* ACTIVITY
If a line in the records contains the string "under", show that line.

========

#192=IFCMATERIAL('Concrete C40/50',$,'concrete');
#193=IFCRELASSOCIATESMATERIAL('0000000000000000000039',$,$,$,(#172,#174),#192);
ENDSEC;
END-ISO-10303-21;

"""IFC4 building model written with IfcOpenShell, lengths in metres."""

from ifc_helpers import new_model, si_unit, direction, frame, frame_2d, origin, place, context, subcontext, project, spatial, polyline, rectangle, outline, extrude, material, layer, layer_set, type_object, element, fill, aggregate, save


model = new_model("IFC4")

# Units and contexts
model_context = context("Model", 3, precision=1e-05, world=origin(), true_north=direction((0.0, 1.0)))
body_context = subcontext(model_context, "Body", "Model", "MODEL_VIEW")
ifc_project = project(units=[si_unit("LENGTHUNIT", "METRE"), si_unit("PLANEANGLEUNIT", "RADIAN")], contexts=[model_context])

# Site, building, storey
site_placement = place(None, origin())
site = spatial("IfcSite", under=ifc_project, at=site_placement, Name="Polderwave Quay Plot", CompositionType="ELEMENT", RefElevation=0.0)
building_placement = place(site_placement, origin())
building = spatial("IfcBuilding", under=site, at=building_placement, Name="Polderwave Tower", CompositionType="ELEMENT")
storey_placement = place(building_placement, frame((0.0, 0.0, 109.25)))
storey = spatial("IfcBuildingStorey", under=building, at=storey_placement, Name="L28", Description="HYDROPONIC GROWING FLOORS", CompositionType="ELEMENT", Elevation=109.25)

========

* RESPONSE AREA
site = spatial("IfcSite", under=ifc_project, at=site_placement, Name="Polderwave Quay Plot", CompositionType="ELEMENT", RefElevation=0.0)
building = spatial("IfcBuilding", under=site, at=building_placement, Name="Polderwave Tower", CompositionType="ELEMENT")
storey = spatial("IfcBuildingStorey", under=building, at=storey_placement, Name="L28", Description="HYDROPONIC GROWING FLOORS", CompositionType="ELEMENT", Elevation=109.25)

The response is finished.